▶ **What the exercise asks**
Your answer must be one number: the count of lines below that hold the word "Anodised".

▶ **Information provided**

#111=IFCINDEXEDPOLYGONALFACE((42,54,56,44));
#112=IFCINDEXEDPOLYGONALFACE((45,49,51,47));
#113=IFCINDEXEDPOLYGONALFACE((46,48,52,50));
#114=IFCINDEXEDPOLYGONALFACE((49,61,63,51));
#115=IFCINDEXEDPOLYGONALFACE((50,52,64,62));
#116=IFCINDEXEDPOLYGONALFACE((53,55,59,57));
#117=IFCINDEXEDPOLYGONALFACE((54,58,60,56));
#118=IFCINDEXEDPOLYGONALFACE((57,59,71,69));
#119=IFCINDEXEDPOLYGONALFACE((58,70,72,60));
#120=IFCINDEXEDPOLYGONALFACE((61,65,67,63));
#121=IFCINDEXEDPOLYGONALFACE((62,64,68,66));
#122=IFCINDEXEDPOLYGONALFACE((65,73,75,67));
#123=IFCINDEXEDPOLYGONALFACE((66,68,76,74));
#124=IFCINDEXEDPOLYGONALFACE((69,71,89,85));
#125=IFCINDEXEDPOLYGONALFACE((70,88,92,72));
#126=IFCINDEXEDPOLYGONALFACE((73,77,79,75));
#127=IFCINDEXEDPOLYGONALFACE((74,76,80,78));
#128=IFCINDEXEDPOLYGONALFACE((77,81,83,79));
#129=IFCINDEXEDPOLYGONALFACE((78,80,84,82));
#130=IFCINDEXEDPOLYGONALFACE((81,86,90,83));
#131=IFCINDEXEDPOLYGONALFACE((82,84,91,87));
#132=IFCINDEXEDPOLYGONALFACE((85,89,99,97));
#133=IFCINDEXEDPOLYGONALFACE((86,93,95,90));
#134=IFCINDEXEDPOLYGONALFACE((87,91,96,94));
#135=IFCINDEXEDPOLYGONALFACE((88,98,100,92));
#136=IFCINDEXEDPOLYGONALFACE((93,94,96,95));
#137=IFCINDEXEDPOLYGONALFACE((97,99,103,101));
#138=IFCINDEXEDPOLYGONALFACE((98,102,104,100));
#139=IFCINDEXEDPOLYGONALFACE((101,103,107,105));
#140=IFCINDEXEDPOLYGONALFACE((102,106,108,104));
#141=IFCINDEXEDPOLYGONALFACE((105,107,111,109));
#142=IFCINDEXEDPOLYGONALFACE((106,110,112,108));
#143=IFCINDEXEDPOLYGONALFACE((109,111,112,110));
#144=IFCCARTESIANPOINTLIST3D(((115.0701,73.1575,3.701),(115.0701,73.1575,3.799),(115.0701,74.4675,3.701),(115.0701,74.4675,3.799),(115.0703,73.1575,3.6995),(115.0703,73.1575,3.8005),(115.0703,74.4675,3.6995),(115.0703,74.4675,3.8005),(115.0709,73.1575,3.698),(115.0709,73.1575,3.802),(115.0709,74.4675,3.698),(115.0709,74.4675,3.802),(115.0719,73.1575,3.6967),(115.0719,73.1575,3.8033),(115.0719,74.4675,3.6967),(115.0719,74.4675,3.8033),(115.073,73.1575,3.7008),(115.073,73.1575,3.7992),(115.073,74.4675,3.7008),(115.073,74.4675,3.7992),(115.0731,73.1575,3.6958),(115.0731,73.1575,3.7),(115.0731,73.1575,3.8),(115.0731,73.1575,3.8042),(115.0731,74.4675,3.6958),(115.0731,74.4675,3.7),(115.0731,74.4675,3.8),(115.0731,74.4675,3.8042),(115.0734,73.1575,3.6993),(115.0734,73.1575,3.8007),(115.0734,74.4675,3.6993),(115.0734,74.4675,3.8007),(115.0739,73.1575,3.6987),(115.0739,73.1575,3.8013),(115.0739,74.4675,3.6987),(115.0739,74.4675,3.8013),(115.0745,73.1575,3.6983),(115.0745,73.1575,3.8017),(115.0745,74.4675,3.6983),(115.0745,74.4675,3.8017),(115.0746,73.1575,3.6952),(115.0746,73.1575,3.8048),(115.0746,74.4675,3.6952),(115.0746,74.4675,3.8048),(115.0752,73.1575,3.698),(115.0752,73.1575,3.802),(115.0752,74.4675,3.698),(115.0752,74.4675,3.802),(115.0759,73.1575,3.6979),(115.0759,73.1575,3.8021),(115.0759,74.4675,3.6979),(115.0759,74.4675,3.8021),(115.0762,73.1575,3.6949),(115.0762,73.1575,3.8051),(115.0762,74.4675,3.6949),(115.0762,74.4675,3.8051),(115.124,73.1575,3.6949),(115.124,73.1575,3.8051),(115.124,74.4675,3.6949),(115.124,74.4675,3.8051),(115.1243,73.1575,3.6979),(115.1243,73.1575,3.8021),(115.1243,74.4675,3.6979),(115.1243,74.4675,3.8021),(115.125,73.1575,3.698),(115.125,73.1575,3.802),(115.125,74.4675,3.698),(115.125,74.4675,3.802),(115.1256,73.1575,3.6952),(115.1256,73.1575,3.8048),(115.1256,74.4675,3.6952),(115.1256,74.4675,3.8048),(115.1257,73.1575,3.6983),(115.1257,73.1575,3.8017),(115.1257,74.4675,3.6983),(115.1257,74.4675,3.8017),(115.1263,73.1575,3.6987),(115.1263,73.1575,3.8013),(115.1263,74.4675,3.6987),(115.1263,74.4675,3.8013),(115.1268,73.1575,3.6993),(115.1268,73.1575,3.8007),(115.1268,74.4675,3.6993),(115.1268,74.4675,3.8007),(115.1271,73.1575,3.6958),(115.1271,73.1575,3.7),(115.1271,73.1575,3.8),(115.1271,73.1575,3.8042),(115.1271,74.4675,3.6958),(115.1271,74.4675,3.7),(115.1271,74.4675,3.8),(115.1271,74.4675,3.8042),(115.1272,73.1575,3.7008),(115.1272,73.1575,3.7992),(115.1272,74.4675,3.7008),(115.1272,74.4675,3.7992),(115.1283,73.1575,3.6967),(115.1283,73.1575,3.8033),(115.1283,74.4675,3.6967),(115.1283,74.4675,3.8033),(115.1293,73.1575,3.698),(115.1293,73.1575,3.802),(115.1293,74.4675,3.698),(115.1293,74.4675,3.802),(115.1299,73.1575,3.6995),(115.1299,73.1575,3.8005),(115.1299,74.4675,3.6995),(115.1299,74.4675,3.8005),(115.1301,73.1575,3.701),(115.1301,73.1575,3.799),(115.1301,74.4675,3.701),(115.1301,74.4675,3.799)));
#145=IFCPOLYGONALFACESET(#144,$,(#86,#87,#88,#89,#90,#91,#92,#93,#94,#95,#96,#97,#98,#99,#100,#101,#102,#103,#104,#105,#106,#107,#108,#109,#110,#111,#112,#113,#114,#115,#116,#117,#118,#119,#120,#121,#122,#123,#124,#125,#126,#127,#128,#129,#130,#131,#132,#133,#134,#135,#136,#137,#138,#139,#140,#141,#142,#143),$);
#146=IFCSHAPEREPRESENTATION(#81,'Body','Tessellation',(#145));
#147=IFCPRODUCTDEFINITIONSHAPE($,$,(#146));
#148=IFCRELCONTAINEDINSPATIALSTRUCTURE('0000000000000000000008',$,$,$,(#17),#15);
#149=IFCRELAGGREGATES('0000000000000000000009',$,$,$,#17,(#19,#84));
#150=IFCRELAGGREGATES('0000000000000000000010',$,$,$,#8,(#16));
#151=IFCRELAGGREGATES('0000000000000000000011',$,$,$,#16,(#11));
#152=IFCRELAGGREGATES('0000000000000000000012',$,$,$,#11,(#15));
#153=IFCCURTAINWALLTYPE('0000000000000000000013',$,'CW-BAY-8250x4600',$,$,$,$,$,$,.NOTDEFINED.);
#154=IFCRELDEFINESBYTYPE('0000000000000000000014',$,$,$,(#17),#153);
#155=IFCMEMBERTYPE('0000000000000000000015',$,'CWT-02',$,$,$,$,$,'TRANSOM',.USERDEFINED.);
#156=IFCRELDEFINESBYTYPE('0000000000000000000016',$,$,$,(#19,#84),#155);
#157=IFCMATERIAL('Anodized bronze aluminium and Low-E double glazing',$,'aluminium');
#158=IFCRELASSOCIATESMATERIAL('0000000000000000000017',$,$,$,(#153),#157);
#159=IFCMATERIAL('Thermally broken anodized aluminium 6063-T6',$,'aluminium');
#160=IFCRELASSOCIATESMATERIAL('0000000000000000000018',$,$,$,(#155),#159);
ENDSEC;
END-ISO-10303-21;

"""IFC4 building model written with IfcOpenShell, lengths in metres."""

--

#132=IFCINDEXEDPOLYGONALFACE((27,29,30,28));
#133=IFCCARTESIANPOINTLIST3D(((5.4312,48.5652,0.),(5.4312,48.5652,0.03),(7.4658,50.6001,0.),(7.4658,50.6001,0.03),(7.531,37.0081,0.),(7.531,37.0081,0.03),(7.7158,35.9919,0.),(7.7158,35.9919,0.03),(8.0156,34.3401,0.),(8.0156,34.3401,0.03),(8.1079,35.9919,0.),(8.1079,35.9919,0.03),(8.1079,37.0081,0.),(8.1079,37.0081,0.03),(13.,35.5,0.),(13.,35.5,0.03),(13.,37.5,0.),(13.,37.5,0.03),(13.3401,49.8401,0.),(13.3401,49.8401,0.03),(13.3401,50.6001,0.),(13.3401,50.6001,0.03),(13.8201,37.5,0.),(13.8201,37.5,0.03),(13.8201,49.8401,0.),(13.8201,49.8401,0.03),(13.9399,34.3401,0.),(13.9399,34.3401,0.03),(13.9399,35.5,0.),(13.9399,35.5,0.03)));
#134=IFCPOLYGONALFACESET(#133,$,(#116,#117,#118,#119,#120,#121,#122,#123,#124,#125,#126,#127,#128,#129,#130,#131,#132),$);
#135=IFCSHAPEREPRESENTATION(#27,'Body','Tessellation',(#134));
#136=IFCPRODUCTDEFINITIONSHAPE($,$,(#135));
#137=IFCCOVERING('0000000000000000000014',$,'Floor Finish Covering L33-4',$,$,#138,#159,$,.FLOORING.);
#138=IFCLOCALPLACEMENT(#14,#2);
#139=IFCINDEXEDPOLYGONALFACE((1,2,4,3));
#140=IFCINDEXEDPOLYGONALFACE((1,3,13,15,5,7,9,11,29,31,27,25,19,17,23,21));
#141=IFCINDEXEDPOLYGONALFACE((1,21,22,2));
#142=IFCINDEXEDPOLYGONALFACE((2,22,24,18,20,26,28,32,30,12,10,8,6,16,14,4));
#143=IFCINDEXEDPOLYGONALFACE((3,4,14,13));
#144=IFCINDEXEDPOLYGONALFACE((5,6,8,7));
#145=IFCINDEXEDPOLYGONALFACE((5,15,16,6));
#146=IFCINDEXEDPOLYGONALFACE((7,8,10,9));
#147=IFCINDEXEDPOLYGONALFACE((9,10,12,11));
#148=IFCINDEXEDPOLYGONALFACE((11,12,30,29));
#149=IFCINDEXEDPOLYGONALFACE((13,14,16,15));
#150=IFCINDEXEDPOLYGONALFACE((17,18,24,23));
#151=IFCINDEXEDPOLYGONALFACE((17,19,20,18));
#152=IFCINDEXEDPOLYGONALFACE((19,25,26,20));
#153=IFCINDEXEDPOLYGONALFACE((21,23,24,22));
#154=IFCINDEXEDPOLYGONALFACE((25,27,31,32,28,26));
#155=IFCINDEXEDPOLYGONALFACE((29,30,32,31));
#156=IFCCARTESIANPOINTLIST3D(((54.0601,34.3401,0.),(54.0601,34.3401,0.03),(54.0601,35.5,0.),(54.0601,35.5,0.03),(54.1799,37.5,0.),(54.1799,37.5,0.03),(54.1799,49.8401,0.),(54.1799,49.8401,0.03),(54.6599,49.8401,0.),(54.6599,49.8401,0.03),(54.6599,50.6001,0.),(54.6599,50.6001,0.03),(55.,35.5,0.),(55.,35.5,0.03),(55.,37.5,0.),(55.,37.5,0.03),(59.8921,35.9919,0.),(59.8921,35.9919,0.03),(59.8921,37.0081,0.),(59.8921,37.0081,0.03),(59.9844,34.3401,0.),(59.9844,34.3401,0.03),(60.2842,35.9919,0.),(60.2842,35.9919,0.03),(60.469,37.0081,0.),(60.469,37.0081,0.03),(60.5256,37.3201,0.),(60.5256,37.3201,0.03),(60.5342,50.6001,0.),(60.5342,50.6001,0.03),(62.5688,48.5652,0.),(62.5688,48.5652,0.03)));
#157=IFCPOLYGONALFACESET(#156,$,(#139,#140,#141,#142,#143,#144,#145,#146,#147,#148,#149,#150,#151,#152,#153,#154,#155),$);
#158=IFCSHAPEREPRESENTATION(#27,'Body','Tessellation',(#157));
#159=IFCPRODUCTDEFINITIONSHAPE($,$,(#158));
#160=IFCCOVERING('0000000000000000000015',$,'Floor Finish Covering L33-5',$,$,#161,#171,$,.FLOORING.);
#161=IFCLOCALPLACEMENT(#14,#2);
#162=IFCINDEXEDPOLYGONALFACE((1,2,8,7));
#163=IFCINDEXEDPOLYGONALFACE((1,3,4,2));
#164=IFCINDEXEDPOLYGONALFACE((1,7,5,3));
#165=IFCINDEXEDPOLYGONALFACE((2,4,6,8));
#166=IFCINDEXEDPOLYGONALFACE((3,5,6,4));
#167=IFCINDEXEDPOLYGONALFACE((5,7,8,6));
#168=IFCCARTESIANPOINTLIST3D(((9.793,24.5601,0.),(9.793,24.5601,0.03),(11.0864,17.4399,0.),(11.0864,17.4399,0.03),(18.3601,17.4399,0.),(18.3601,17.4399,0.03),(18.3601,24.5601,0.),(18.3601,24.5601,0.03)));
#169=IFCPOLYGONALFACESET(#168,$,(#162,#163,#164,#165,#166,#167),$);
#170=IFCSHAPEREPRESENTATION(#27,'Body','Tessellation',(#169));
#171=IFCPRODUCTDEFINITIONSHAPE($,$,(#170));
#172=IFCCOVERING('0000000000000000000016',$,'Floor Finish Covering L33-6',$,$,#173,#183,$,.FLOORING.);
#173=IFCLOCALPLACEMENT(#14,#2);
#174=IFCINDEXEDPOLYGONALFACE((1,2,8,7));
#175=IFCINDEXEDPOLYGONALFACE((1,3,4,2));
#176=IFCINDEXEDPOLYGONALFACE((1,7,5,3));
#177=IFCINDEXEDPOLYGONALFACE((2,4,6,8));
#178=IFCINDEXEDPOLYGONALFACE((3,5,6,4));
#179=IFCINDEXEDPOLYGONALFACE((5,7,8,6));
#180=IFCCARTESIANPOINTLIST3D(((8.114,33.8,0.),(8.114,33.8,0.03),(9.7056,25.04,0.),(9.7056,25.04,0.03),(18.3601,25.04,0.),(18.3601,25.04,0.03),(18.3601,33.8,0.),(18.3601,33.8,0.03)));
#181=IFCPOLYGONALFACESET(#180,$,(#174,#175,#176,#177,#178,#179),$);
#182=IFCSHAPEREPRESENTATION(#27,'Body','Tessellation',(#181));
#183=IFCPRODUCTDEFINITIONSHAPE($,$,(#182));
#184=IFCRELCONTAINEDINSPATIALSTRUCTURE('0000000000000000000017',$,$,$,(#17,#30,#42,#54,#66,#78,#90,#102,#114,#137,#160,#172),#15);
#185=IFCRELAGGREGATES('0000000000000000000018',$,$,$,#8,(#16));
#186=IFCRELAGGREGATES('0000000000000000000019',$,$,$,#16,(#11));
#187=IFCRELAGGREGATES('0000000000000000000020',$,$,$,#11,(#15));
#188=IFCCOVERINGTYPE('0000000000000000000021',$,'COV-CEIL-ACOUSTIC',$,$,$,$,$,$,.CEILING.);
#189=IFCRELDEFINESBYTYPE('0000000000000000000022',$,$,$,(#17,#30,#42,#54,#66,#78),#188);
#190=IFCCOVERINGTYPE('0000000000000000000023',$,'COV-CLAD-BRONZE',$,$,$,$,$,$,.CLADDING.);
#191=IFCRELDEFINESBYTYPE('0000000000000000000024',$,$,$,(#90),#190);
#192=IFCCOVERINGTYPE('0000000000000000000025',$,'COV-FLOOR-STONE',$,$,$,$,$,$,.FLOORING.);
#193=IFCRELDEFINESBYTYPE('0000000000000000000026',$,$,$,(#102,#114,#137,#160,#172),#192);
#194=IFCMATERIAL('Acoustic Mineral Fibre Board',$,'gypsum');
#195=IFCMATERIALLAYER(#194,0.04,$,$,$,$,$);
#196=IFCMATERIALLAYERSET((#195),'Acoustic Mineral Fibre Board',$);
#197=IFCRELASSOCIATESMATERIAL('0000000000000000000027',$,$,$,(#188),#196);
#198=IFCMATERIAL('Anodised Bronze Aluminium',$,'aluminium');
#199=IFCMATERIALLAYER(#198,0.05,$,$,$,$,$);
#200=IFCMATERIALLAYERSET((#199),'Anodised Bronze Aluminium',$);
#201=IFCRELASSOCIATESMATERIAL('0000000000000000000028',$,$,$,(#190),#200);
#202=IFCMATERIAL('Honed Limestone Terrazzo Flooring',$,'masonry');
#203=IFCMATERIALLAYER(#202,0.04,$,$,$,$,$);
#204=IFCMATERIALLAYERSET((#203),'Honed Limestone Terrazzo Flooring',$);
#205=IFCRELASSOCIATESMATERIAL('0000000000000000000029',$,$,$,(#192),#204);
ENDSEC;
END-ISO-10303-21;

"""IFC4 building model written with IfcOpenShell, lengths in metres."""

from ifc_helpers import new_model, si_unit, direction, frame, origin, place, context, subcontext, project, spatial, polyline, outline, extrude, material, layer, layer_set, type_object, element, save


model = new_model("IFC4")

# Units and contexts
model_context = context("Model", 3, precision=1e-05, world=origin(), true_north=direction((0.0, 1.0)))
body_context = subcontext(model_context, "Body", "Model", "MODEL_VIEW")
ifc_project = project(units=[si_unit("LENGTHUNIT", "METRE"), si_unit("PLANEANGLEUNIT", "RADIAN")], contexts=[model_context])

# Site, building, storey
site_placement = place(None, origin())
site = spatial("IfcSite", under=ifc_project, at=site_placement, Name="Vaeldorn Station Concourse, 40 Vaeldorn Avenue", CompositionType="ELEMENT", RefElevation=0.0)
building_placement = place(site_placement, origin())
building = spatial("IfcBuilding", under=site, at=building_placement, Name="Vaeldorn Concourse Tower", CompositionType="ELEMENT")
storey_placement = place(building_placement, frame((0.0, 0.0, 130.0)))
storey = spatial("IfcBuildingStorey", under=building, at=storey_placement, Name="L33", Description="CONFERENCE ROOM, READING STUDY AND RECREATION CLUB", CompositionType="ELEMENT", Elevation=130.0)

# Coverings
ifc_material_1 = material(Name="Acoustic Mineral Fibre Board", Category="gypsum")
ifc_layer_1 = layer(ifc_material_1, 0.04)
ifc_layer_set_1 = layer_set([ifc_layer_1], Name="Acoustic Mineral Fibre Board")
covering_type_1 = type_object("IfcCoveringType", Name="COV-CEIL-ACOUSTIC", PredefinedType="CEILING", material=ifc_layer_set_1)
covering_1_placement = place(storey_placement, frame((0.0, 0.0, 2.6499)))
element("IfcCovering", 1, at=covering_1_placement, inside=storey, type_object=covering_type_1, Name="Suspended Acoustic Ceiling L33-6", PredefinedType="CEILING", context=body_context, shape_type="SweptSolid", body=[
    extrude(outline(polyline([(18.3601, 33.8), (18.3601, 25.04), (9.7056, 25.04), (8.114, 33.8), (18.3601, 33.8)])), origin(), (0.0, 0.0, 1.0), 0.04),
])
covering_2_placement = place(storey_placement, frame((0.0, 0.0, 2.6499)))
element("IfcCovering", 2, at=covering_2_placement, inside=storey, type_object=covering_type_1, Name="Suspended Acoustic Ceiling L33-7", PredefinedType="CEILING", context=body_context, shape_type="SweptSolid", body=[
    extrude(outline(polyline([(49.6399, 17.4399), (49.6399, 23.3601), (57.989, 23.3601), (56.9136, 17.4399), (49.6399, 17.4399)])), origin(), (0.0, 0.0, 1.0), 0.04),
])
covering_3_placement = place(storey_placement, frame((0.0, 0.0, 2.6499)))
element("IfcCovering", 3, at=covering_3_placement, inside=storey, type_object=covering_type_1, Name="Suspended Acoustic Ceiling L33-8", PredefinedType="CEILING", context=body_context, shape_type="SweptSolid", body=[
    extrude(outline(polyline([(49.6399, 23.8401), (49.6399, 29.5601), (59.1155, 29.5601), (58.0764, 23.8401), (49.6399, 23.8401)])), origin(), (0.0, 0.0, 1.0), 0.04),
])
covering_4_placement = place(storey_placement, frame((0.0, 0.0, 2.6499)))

* * *

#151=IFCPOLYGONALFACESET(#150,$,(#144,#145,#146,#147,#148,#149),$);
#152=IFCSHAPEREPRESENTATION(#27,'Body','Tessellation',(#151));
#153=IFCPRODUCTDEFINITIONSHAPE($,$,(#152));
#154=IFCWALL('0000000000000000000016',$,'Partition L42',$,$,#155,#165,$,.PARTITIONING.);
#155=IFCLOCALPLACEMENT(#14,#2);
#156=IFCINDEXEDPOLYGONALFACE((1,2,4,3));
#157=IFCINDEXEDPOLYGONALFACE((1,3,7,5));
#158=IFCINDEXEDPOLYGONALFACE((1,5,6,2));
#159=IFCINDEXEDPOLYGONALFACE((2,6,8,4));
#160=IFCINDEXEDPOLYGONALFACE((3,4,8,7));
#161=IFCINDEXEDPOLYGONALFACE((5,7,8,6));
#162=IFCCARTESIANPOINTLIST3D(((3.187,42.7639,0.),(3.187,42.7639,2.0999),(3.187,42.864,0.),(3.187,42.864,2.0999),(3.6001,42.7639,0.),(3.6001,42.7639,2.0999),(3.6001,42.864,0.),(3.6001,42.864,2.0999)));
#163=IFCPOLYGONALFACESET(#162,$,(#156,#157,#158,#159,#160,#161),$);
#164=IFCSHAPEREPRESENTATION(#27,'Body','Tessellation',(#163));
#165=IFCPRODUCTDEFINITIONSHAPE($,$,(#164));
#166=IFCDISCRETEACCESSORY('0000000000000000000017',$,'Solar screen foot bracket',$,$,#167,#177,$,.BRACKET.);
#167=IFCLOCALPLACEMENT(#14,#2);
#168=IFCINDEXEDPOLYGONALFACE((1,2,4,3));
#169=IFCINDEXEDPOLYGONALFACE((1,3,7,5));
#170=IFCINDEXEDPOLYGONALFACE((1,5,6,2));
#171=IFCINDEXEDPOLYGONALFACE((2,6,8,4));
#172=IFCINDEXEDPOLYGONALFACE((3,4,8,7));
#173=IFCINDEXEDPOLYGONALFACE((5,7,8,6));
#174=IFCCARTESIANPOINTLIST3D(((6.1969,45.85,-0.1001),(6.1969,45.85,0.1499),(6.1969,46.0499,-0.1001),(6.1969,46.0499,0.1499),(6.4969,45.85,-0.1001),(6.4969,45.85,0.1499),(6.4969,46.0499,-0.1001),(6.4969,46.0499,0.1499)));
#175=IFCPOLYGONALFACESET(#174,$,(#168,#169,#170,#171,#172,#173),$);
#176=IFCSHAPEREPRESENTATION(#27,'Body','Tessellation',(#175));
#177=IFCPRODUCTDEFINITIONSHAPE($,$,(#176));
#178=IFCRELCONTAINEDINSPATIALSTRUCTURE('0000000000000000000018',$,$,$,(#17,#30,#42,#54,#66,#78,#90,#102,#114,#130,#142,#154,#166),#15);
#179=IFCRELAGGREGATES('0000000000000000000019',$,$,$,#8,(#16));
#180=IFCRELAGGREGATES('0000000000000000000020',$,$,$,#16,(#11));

▶ **Task solution**
2